What the task asks => Output only the lines of the entries that follow, starting at the one with "#76=IFCSHAPEREPRESENTATION(#35,'Body','Tessellation',(#75));" and running down to the one with "#79=IFCLOCALPLACEMENT(#14,#2);", both included and unchanged.

═════ Data ═════

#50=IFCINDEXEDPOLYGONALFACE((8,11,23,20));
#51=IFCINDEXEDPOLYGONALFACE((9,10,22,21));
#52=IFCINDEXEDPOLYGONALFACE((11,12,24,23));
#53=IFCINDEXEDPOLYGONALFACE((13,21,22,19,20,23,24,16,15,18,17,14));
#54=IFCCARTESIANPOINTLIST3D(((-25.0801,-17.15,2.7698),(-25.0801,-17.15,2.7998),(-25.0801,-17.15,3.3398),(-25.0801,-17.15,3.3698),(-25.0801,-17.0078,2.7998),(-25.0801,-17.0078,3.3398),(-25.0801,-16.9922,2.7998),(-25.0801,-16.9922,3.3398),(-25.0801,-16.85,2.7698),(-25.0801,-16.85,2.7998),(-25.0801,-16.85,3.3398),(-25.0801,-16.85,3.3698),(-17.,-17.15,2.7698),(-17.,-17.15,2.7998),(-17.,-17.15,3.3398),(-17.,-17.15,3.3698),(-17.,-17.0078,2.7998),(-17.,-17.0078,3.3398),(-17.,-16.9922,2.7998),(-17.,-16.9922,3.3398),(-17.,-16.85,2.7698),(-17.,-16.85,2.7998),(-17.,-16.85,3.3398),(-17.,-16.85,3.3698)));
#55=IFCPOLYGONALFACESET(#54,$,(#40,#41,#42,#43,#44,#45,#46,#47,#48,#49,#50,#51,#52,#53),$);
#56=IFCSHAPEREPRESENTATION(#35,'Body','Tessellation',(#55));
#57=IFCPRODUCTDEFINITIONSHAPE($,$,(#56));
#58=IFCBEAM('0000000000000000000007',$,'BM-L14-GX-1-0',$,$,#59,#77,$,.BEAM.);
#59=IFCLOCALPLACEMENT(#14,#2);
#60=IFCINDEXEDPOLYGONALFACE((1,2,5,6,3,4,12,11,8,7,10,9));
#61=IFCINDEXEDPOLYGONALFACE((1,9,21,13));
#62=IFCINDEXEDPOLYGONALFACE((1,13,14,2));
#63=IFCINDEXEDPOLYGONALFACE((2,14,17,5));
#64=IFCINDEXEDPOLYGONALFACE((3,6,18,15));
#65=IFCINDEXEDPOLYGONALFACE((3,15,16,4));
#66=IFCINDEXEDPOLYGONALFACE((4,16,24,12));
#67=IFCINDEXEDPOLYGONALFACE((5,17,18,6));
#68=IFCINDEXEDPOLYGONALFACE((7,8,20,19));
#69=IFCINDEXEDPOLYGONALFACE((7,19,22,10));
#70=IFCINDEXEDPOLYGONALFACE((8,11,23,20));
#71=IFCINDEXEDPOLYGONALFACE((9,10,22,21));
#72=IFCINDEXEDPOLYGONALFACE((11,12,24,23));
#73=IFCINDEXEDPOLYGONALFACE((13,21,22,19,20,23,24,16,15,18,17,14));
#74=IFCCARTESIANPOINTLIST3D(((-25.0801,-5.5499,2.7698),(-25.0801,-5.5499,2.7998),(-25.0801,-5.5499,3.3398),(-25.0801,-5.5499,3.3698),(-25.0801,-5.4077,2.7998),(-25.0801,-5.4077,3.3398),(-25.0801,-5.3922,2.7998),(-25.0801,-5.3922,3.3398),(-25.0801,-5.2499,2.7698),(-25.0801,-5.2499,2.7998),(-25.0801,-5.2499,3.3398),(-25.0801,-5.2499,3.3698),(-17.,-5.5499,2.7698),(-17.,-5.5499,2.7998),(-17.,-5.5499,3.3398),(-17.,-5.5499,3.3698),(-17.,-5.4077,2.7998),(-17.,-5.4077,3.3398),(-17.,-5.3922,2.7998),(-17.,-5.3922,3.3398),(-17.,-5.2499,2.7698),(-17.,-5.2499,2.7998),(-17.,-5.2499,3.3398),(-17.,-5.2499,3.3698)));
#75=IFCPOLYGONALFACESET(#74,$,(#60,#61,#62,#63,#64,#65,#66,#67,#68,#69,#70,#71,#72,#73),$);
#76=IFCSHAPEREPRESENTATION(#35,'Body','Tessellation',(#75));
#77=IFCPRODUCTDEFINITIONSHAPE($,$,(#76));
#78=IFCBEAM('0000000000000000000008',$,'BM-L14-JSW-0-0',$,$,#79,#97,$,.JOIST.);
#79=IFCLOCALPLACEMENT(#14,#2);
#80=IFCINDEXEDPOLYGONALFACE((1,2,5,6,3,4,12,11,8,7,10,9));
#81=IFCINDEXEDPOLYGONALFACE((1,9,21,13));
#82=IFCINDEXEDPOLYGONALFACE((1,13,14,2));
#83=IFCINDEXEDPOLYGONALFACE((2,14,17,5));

═════

Solution to this task =>
#76=IFCSHAPEREPRESENTATION(#35,'Body','Tessellation',(#75));
#77=IFCPRODUCTDEFINITIONSHAPE($,$,(#76));
#78=IFCBEAM('0000000000000000000008',$,'BM-L14-JSW-0-0',$,$,#79,#97,$,.JOIST.);
#79=IFCLOCALPLACEMENT(#14,#2);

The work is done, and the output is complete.